- _Task item_
Print the lines in the listing below that fall between the line with "and living rooms',$,#14,$,$,.ELEMENT.,43.575);" and the line with "#35=IFCINDEXEDPOLYGONALFACE((1,3,7,5));", those two lines included, exactly as they stand and with nothing else.

- _Provided data_
────────────────

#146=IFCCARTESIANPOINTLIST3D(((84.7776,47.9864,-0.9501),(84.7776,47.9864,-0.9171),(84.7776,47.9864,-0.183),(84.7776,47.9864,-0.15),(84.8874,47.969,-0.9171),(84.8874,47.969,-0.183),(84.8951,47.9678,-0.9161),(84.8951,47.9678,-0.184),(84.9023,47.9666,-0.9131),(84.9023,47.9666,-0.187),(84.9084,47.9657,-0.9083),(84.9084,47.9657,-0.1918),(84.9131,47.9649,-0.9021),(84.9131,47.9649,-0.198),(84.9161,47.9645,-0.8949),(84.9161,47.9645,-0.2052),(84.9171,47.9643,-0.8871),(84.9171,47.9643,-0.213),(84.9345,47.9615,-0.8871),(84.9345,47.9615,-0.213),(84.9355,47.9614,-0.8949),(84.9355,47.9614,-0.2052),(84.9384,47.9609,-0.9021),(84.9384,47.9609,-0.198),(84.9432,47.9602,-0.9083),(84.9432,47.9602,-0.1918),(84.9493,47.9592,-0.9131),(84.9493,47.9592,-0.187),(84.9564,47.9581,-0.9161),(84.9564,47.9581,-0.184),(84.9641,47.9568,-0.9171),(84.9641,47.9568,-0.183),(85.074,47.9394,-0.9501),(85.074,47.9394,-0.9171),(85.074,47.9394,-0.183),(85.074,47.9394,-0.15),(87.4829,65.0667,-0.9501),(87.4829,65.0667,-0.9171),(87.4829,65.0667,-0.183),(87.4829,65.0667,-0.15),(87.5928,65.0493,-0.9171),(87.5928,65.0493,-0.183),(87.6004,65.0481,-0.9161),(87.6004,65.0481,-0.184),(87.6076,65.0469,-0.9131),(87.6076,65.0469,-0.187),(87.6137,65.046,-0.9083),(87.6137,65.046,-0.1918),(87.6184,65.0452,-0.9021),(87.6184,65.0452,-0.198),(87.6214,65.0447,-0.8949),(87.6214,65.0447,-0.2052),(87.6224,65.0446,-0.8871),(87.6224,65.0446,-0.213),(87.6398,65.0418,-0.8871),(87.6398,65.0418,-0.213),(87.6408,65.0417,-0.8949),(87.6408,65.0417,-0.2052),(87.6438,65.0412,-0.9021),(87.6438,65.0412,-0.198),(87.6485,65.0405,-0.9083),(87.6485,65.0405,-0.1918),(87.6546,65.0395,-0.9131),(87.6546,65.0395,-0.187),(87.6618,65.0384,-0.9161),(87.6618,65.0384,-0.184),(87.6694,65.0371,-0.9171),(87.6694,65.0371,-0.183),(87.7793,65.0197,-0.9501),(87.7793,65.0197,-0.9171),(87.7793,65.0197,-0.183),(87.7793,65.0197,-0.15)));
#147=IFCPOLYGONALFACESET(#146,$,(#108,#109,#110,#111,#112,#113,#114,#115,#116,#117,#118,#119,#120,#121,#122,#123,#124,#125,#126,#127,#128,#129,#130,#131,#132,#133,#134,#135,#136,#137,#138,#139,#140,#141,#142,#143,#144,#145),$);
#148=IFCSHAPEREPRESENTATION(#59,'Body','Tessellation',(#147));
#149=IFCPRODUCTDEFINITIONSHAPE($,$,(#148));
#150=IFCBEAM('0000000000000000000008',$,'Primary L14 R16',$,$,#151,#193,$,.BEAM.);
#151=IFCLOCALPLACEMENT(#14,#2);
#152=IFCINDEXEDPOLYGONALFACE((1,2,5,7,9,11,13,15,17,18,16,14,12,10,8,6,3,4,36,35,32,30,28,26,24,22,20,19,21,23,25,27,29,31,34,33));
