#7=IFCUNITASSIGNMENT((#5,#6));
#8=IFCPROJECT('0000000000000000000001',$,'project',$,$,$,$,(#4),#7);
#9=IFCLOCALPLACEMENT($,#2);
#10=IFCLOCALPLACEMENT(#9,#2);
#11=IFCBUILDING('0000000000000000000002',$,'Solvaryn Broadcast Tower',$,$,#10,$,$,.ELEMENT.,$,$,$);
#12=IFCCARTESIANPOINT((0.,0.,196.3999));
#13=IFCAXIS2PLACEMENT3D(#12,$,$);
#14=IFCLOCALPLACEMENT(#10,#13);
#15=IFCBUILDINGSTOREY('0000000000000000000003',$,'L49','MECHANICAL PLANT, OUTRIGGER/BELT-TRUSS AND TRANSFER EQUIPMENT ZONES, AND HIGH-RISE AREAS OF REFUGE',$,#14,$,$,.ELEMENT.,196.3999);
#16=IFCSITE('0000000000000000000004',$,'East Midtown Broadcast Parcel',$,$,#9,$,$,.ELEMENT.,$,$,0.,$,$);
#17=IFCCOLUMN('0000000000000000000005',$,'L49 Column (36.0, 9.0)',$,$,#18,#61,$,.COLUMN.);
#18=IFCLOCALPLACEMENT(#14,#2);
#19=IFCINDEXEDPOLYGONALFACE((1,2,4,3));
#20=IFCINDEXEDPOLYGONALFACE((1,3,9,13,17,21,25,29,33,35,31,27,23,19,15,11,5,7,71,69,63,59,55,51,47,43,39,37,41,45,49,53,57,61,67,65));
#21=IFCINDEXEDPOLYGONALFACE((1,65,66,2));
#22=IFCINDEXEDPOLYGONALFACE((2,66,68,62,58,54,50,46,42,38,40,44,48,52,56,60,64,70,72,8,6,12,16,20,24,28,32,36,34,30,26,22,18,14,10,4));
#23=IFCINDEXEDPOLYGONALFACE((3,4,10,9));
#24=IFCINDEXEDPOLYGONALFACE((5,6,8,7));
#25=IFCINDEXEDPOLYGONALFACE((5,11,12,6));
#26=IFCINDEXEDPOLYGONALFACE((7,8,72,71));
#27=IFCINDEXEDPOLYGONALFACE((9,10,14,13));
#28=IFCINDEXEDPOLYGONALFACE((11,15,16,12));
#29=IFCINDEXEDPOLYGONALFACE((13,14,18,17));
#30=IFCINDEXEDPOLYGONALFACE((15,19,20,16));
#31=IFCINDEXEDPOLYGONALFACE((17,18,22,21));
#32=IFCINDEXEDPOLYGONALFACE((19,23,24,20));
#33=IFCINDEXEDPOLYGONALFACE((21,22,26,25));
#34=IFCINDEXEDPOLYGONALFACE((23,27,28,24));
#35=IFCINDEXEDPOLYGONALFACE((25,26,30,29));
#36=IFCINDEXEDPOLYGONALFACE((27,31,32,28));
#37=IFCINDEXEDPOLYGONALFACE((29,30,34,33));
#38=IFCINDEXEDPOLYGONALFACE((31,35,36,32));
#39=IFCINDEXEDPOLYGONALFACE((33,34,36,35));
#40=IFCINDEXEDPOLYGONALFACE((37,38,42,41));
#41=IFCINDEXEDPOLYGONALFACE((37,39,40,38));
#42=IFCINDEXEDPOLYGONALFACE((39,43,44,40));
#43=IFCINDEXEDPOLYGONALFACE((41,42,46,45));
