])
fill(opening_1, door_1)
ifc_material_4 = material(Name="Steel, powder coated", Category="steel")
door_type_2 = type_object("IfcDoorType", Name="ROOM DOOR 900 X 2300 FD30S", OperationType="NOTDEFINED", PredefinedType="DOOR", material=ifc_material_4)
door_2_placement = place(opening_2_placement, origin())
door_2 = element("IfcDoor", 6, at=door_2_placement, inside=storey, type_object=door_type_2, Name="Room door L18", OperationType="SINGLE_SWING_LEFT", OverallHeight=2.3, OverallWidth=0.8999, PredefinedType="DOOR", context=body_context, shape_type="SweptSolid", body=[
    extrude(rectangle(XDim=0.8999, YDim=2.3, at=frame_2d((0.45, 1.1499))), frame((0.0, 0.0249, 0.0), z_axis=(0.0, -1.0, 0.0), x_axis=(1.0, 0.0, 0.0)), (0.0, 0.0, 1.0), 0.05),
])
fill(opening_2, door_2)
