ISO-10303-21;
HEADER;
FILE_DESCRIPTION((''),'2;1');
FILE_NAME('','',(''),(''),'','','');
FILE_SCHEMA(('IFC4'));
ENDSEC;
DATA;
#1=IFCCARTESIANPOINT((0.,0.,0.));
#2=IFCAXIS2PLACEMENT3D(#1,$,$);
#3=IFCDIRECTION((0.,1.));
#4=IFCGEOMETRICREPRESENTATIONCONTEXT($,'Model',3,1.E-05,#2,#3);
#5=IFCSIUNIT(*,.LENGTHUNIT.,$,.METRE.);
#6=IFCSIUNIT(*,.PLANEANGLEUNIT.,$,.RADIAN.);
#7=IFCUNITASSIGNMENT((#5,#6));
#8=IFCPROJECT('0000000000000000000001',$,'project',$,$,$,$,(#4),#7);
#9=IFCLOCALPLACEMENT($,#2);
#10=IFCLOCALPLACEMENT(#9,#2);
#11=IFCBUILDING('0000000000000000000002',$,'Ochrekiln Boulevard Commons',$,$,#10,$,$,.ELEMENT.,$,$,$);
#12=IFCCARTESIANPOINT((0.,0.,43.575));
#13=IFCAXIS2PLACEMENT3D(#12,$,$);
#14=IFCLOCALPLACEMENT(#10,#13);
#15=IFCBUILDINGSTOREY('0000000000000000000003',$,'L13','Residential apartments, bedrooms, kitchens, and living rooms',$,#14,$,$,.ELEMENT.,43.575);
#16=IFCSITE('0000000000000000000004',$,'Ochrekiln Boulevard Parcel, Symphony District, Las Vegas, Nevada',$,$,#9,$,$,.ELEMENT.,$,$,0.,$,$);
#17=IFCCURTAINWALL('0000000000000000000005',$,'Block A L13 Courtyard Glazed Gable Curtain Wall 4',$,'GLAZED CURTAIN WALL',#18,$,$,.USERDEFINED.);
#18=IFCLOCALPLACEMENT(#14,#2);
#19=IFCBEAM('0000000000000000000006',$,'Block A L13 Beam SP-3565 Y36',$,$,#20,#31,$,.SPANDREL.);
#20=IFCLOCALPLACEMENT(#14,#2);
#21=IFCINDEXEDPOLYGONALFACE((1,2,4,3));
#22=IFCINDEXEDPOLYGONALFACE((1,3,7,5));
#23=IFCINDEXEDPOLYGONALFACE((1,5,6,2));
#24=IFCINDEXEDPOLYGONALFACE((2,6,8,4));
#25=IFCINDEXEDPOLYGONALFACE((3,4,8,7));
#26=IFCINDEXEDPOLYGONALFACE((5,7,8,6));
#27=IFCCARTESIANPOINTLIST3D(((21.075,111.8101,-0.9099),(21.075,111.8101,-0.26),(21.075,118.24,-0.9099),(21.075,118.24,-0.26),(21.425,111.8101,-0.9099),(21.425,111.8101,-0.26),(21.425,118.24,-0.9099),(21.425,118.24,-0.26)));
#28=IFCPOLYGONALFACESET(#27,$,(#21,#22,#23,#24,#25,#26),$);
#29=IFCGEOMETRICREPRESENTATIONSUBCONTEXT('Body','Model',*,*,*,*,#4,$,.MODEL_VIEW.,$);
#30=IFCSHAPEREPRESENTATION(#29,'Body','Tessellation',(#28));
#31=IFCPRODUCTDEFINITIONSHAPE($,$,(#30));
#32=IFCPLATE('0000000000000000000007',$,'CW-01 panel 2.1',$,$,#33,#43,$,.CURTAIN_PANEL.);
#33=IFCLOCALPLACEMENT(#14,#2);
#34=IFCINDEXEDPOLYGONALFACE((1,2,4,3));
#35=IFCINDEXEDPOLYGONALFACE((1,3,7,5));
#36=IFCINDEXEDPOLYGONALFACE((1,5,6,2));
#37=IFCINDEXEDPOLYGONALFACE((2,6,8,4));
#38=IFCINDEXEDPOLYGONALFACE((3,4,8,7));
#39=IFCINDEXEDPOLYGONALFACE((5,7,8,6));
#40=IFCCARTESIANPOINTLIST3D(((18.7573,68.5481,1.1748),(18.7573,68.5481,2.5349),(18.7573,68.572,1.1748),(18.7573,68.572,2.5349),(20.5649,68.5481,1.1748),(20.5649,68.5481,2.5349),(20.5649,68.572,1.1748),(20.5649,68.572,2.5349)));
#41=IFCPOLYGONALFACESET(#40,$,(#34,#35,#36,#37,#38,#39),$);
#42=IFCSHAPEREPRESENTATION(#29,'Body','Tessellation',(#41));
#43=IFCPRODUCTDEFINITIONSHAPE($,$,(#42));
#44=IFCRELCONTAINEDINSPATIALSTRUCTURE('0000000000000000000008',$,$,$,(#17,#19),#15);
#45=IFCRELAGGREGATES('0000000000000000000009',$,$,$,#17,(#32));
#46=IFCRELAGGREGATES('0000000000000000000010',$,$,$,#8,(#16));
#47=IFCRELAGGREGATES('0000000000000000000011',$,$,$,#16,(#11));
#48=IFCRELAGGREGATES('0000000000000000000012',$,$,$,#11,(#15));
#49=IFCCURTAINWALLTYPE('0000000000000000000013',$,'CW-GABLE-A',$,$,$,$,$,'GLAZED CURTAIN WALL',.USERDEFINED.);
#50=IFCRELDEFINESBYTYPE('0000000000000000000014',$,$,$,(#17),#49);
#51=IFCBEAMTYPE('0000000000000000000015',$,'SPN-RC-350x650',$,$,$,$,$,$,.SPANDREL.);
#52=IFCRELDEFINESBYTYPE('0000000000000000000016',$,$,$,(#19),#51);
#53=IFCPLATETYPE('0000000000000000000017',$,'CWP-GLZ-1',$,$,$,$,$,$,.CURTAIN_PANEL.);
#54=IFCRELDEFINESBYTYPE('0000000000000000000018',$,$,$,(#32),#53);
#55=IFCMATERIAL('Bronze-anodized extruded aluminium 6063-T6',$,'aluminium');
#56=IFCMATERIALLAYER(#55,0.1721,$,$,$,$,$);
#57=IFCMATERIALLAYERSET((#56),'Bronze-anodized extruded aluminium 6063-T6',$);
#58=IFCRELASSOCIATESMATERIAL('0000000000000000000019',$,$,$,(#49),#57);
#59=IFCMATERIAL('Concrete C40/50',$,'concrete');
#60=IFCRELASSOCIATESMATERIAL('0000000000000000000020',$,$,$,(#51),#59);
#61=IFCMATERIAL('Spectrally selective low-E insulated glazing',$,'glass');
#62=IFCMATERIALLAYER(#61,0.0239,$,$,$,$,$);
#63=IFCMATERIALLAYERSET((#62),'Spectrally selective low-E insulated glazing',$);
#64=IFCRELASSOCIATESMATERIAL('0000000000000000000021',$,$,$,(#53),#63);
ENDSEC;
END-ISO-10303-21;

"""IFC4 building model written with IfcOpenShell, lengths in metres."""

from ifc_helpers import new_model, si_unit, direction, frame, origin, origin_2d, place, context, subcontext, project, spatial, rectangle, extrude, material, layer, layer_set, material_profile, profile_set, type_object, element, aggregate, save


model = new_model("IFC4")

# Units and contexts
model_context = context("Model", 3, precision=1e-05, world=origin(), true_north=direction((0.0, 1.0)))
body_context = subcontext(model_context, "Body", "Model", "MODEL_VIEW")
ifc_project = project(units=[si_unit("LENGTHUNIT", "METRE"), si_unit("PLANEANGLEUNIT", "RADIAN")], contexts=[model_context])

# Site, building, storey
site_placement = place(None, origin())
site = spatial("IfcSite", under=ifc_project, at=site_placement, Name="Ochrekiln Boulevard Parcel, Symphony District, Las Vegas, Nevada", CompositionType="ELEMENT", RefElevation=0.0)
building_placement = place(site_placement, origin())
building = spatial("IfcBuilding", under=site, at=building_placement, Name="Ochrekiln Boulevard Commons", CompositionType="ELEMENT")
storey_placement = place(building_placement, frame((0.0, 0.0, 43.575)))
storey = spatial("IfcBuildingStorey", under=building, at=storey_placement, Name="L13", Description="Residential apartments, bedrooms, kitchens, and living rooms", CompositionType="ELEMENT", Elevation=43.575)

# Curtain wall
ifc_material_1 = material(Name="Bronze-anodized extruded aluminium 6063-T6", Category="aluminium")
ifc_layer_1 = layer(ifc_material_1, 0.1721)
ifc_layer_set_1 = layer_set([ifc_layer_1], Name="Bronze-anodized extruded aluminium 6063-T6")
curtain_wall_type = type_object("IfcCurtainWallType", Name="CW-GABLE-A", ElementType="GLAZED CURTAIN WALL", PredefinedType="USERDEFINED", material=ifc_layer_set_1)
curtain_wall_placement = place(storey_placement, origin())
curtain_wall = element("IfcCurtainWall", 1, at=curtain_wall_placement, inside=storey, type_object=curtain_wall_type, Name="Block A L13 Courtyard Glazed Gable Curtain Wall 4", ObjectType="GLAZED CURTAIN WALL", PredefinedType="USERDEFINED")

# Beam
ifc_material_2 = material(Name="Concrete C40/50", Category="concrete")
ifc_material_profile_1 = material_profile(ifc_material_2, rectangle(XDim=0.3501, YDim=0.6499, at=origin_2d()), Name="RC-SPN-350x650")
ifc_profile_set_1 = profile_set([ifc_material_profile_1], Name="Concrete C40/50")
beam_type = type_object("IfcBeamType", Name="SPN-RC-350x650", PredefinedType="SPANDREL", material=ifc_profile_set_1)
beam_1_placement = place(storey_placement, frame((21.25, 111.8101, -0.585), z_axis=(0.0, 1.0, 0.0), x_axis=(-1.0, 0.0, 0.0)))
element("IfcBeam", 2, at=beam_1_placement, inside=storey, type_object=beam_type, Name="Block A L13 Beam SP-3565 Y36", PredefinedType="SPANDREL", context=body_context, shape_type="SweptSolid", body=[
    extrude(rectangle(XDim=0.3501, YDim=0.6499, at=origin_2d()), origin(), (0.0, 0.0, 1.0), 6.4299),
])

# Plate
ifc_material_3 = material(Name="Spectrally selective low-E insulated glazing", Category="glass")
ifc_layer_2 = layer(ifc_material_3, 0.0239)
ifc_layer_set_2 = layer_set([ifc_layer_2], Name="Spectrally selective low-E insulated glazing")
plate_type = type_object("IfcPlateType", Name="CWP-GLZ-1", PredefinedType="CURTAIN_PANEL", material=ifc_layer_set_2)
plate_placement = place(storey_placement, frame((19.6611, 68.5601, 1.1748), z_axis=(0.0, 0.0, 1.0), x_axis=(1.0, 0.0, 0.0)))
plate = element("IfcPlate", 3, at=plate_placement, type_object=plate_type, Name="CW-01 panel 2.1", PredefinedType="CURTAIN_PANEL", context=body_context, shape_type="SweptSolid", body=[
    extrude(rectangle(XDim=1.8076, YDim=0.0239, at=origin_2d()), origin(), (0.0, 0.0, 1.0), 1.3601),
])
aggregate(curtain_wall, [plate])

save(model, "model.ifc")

────────────────

- _Solution for this problem_
#15=IFCBUILDINGSTOREY('0000000000000000000003',$,'L13','Residential apartments, bedrooms, kitchens, and living rooms',$,#14,$,$,.ELEMENT.,43.575);
#16=IFCSITE('0000000000000000000004',$,'Ochrekiln Boulevard Parcel, Symphony District, Las Vegas, Nevada',$,$,#9,$,$,.ELEMENT.,$,$,0.,$,$);
#17=IFCCURTAINWALL('0000000000000000000005',$,'Block A L13 Courtyard Glazed Gable Curtain Wall 4',$,'GLAZED CURTAIN WALL',#18,$,$,.USERDEFINED.);
#18=IFCLOCALPLACEMENT(#14,#2);
#19=IFCBEAM('0000000000000000000006',$,'Block A L13 Beam SP-3565 Y36',$,$,#20,#31,$,.SPANDREL.);
#20=IFCLOCALPLACEMENT(#14,#2);
#21=IFCINDEXEDPOLYGONALFACE((1,2,4,3));
#22=IFCINDEXEDPOLYGONALFACE((1,3,7,5));
#23=IFCINDEXEDPOLYGONALFACE((1,5,6,2));
#24=IFCINDEXEDPOLYGONALFACE((2,6,8,4));
#25=IFCINDEXEDPOLYGONALFACE((3,4,8,7));
#26=IFCINDEXEDPOLYGONALFACE((5,7,8,6));
#27=IFCCARTESIANPOINTLIST3D(((21.075,111.8101,-0.9099),(21.075,111.8101,-0.26),(21.075,118.24,-0.9099),(21.075,118.24,-0.26),(21.425,111.8101,-0.9099),(21.425,111.8101,-0.26),(21.425,118.24,-0.9099),(21.425,118.24,-0.26)));
#28=IFCPOLYGONALFACESET(#27,$,(#21,#22,#23,#24,#25,#26),$);
#29=IFCGEOMETRICREPRESENTATIONSUBCONTEXT('Body','Model',*,*,*,*,#4,$,.MODEL_VIEW.,$);
#30=IFCSHAPEREPRESENTATION(#29,'Body','Tessellation',(#28));
#31=IFCPRODUCTDEFINITIONSHAPE($,$,(#30));
#32=IFCPLATE('0000000000000000000007',$,'CW-01 panel 2.1',$,$,#33,#43,$,.CURTAIN_PANEL.);
#33=IFCLOCALPLACEMENT(#14,#2);
#34=IFCINDEXEDPOLYGONALFACE((1,2,4,3));
#35=IFCINDEXEDPOLYGONALFACE((1,3,7,5));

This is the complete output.